## Description of the task
In the entries that follow, the lines from the one with "#59=IFCINDEXEDPOLYGONALFACE((1,2,6,5));" through the one with "#64=IFCINDEXEDPOLYGONALFACE((5,6,8,7));" are the ones to write out, exactly and with both ends included. Nothing else should appear.

(Stored data)

*** Begin section ***

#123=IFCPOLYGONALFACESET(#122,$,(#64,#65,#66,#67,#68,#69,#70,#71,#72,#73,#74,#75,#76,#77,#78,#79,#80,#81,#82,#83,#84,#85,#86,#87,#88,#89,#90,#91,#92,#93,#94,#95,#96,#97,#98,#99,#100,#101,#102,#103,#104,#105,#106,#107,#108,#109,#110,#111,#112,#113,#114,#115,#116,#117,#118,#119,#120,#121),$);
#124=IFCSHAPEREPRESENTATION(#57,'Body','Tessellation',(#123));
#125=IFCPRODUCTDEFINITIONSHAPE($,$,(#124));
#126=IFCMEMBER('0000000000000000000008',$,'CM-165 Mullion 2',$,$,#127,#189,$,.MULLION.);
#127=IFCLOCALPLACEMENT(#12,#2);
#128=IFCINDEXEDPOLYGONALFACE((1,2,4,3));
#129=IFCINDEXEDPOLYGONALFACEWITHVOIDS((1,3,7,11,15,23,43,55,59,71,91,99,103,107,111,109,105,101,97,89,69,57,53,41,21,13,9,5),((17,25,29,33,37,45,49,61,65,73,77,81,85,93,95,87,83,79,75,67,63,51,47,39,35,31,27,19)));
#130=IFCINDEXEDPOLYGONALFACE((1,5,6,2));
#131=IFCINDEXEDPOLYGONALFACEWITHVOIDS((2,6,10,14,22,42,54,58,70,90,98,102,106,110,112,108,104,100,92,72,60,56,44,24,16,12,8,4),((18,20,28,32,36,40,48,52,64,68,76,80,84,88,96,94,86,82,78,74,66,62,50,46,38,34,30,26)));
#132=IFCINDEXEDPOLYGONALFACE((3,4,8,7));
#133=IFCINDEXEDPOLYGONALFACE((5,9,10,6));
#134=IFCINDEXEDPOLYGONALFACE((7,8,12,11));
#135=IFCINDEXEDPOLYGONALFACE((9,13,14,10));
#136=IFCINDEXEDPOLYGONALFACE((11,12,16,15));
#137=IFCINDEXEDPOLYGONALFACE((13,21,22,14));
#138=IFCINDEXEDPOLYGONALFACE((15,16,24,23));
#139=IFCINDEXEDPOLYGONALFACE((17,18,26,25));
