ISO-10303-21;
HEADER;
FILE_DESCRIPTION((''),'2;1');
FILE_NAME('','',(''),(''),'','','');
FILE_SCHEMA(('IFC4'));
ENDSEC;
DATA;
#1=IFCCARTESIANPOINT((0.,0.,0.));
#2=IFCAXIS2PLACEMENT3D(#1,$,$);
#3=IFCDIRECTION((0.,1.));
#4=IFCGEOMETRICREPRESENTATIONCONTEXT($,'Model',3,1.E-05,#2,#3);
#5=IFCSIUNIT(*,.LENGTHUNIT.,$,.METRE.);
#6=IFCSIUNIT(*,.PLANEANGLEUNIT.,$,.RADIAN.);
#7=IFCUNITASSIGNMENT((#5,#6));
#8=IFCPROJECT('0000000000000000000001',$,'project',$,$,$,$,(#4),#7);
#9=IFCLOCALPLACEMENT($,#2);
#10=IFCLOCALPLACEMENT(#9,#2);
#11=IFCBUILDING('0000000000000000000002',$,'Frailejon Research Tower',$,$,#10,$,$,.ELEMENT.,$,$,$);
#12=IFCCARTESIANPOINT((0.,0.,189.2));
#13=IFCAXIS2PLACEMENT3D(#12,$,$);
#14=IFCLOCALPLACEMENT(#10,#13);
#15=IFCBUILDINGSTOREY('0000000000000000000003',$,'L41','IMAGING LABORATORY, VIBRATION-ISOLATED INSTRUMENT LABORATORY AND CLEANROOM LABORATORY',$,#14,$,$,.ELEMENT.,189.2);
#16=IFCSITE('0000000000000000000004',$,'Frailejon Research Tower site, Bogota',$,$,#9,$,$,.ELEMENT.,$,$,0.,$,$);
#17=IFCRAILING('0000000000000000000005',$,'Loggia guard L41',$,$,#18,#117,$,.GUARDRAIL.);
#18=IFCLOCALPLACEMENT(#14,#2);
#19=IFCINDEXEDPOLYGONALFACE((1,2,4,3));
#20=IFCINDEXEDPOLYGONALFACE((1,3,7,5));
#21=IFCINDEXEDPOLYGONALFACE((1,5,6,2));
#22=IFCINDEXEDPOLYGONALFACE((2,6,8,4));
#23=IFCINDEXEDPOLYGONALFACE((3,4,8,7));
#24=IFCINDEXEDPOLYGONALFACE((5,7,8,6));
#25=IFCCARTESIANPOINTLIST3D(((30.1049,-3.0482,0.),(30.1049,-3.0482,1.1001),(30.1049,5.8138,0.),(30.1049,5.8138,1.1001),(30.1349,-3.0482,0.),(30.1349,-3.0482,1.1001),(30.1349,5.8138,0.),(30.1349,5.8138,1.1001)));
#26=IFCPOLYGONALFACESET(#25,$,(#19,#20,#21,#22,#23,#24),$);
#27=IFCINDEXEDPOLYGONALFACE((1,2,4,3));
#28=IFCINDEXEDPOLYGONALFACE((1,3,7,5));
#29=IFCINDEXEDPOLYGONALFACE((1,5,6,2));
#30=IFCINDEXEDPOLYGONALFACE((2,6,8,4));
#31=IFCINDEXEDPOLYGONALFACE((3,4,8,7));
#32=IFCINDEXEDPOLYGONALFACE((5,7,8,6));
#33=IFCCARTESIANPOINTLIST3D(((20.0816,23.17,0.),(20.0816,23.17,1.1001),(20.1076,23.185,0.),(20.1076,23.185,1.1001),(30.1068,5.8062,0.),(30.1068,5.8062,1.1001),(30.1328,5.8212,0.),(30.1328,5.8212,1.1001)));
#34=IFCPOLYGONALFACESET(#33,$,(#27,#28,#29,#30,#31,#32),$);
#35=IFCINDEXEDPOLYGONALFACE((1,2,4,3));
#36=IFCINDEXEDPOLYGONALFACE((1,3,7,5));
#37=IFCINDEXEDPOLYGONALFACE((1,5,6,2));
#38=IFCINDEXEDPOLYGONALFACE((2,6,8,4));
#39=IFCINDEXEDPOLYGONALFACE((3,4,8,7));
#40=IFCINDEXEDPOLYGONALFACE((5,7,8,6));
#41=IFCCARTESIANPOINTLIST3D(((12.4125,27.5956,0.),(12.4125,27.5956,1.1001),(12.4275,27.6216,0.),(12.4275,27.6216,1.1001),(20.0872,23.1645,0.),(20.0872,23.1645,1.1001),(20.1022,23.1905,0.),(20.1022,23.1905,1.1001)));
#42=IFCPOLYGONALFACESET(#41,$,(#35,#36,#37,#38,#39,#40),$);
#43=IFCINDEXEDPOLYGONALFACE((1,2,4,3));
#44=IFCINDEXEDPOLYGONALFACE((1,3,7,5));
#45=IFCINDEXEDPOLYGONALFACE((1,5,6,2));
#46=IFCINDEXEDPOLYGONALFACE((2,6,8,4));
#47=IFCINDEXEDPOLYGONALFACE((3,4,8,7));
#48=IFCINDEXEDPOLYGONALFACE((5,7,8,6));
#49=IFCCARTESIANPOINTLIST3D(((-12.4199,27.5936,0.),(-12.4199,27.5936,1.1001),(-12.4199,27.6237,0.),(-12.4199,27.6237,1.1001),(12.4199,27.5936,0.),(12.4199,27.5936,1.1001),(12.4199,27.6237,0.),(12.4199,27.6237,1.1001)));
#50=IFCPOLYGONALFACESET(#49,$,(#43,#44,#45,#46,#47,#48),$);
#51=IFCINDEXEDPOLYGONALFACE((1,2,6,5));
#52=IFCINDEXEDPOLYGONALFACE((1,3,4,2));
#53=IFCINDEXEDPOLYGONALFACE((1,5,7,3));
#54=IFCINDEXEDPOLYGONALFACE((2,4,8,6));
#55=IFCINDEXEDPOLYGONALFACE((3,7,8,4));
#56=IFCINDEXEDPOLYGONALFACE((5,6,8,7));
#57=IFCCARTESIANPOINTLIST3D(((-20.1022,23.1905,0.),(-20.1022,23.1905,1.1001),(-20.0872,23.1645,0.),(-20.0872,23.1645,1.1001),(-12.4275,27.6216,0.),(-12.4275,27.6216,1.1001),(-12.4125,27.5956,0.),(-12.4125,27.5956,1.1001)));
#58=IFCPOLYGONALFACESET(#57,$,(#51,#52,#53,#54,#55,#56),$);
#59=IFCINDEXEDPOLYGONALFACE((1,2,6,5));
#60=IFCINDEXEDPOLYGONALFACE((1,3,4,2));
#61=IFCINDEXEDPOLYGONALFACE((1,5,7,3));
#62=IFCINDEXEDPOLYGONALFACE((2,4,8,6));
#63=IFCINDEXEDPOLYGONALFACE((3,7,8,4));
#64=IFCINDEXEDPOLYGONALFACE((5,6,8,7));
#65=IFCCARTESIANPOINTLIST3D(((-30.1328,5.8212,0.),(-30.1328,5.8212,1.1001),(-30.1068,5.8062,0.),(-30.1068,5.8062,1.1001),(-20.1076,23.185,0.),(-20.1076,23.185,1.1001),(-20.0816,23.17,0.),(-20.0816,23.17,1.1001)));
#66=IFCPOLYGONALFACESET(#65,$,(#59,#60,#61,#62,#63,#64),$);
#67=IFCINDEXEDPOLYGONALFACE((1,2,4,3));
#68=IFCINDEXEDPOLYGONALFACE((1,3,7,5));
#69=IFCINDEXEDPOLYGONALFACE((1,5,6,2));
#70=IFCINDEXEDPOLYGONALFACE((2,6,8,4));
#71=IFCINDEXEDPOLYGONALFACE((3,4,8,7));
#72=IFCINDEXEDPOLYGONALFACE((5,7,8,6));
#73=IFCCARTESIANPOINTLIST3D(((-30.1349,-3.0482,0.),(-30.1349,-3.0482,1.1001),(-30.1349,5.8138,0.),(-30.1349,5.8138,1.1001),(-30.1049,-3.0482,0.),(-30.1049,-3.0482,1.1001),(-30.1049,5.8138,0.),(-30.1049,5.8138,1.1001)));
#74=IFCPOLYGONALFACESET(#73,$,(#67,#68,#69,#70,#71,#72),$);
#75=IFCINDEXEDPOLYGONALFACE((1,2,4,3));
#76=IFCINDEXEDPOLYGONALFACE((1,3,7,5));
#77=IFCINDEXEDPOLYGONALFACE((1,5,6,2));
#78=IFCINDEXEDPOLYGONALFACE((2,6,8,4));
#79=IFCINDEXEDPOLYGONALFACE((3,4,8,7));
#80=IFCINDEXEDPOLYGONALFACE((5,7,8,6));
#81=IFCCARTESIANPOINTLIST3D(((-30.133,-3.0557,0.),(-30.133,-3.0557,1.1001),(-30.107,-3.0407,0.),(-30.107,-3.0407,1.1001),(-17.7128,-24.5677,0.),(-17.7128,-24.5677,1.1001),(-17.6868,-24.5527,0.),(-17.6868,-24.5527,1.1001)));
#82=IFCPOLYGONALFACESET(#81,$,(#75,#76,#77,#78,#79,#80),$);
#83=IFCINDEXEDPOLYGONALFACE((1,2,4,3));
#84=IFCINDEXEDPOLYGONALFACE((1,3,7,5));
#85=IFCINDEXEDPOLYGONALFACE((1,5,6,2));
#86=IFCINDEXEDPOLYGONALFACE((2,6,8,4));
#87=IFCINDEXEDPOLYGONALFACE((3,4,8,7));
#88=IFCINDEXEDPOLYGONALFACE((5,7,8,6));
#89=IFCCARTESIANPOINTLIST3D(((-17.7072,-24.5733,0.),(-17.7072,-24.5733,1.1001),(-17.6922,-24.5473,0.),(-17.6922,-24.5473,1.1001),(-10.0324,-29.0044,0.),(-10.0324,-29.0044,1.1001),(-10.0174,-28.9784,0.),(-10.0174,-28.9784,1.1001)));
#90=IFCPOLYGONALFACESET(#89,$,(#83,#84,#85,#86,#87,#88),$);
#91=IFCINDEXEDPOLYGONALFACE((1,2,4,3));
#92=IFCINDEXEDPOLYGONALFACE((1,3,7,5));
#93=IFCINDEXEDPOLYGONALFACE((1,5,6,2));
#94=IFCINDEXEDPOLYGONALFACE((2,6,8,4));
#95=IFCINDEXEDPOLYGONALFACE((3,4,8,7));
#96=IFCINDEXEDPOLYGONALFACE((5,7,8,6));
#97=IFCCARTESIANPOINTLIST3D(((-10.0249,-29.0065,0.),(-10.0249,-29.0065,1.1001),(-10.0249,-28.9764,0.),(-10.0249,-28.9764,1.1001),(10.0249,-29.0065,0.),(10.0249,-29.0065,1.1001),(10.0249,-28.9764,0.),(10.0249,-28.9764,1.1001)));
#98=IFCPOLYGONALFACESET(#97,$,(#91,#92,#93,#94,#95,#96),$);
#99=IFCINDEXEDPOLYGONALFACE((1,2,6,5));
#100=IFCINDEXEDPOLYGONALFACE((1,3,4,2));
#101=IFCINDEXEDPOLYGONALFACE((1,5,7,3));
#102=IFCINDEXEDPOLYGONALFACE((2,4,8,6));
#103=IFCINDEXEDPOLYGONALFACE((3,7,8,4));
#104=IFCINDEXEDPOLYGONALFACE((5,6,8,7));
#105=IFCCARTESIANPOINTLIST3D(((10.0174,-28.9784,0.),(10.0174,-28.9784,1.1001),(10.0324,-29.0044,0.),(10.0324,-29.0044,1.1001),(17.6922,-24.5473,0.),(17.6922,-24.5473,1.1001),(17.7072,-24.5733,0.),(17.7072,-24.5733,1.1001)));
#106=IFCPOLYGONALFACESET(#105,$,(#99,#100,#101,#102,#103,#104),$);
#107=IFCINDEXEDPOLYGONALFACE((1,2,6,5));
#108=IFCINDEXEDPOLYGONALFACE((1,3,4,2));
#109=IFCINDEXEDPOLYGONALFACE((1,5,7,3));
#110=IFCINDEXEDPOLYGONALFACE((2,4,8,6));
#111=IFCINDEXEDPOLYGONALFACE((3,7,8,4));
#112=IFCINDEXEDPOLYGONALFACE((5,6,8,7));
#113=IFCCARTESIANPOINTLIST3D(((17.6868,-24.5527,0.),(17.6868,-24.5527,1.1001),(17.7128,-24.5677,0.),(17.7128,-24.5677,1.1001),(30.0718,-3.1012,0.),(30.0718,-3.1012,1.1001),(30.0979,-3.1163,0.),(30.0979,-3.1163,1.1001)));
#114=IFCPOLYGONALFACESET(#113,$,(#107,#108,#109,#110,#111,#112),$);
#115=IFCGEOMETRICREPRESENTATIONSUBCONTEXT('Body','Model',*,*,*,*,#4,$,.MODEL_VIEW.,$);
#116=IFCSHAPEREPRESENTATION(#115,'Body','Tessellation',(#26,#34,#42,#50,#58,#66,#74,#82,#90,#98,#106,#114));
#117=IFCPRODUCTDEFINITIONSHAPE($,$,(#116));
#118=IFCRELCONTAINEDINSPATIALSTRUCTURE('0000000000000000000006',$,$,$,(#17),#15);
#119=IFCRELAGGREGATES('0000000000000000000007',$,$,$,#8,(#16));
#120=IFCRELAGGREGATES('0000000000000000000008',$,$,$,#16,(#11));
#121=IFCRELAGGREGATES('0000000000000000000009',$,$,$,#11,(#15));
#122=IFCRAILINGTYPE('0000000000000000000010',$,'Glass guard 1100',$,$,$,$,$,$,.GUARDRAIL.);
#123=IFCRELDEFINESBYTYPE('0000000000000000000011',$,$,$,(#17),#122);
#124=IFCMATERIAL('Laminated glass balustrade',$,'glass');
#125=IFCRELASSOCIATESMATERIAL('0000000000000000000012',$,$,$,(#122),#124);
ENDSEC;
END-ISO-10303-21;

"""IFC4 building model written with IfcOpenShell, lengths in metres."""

from ifc_helpers import new_model, si_unit, direction, frame, origin, origin_2d, place, context, subcontext, project, spatial, rectangle, extrude, material, type_object, element, save


model = new_model("IFC4")

# Units and contexts
model_context = context("Model", 3, precision=1e-05, world=origin(), true_north=direction((0.0, 1.0)))
body_context = subcontext(model_context, "Body", "Model", "MODEL_VIEW")
ifc_project = project(units=[si_unit("LENGTHUNIT", "METRE"), si_unit("PLANEANGLEUNIT", "RADIAN")], contexts=[model_context])

# Site, building, storey
site_placement = place(None, origin())
site = spatial("IfcSite", under=ifc_project, at=site_placement, Name="Frailejon Research Tower site, Bogota", CompositionType="ELEMENT", RefElevation=0.0)
building_placement = place(site_placement, origin())
building = spatial("IfcBuilding", under=site, at=building_placement, Name="Frailejon Research Tower", CompositionType="ELEMENT")
storey_placement = place(building_placement, frame((0.0, 0.0, 189.2)))
storey = spatial("IfcBuildingStorey", under=building, at=storey_placement, Name="L41", Description="IMAGING LABORATORY, VIBRATION-ISOLATED INSTRUMENT LABORATORY AND CLEANROOM LABORATORY", CompositionType="ELEMENT", Elevation=189.2)

# Railing
ifc_material_1 = material(Name="Laminated glass balustrade", Category="glass")
railing_type = type_object("IfcRailingType", Name="Glass guard 1100", PredefinedType="GUARDRAIL", material=ifc_material_1)
railing_placement = place(storey_placement, frame((30.1199, -3.0483, 0.0)))
element("IfcRailing", 1, at=railing_placement, inside=storey, type_object=railing_type, Name="Loggia guard L41", PredefinedType="GUARDRAIL", context=body_context, shape_type="SweptSolid", body=[
    extrude(rectangle(XDim=8.8621, YDim=0.03, at=origin_2d()), frame((0.0, 4.4312, 0.0), z_axis=(0.0, 0.0, 1.0), x_axis=(0.0, 1.0, 0.0)), (0.0, 0.0, 1.0), 1.1001),
    extrude(rectangle(XDim=20.05, YDim=0.03, at=origin_2d()), frame((-5.0127, 17.5439, 0.0), z_axis=(0.0, 0.0, 1.0), x_axis=(-0.500006, 0.866022, 0.0)), (0.0, 0.0, 1.0), 1.1001),
    extrude(rectangle(XDim=8.8621, YDim=0.03, at=origin_2d()), frame((-13.8625, 28.4414, 0.0), z_axis=(0.0, 0.0, 1.0), x_axis=(-0.86602, 0.500009, 0.0)), (0.0, 0.0, 1.0), 1.1001),
    extrude(rectangle(XDim=24.8398, YDim=0.03, at=origin_2d()), frame((-30.1199, 30.657, 0.0), z_axis=(0.0, 0.0, 1.0), x_axis=(-1.0, 0.0, 0.0)), (0.0, 0.0, 1.0), 1.1001),
    extrude(rectangle(XDim=8.8621, YDim=0.03, at=origin_2d()), frame((-46.3772, 28.4414, 0.0), z_axis=(0.0, 0.0, 1.0), x_axis=(-0.86602, -0.500009, 0.0)), (0.0, 0.0, 1.0), 1.1001),
    extrude(rectangle(XDim=20.05, YDim=0.03, at=origin_2d()), frame((-55.2271, 17.5439, 0.0), z_axis=(0.0, 0.0, 1.0), x_axis=(-0.500006, -0.866022, 0.0)), (0.0, 0.0, 1.0), 1.1001),
    extrude(rectangle(XDim=8.8621, YDim=0.03, at=origin_2d()), frame((-60.2397, 4.4312, 0.0), z_axis=(0.0, 0.0, 1.0), x_axis=(0.0, -1.0, 0.0)), (0.0, 0.0, 1.0), 1.1001),
    extrude(rectangle(XDim=24.8401, YDim=0.03, at=origin_2d()), frame((-54.0298, -10.7559, 0.0), z_axis=(0.0, 0.0, 1.0), x_axis=(0.500007, -0.866021, 0.0)), (0.0, 0.0, 1.0), 1.1001),
    extrude(rectangle(XDim=8.8621, YDim=0.03, at=origin_2d()), frame((-43.9822, -23.7275, 0.0), z_axis=(0.0, 0.0, 1.0), x_axis=(0.86602, -0.500009, 0.0)), (0.0, 0.0, 1.0), 1.1001),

*** End section ***

## Exercise solution
#59=IFCINDEXEDPOLYGONALFACE((1,2,6,5));
#60=IFCINDEXEDPOLYGONALFACE((1,3,4,2));
#61=IFCINDEXEDPOLYGONALFACE((1,5,7,3));
#62=IFCINDEXEDPOLYGONALFACE((2,4,8,6));
#63=IFCINDEXEDPOLYGONALFACE((3,7,8,4));
#64=IFCINDEXEDPOLYGONALFACE((5,6,8,7));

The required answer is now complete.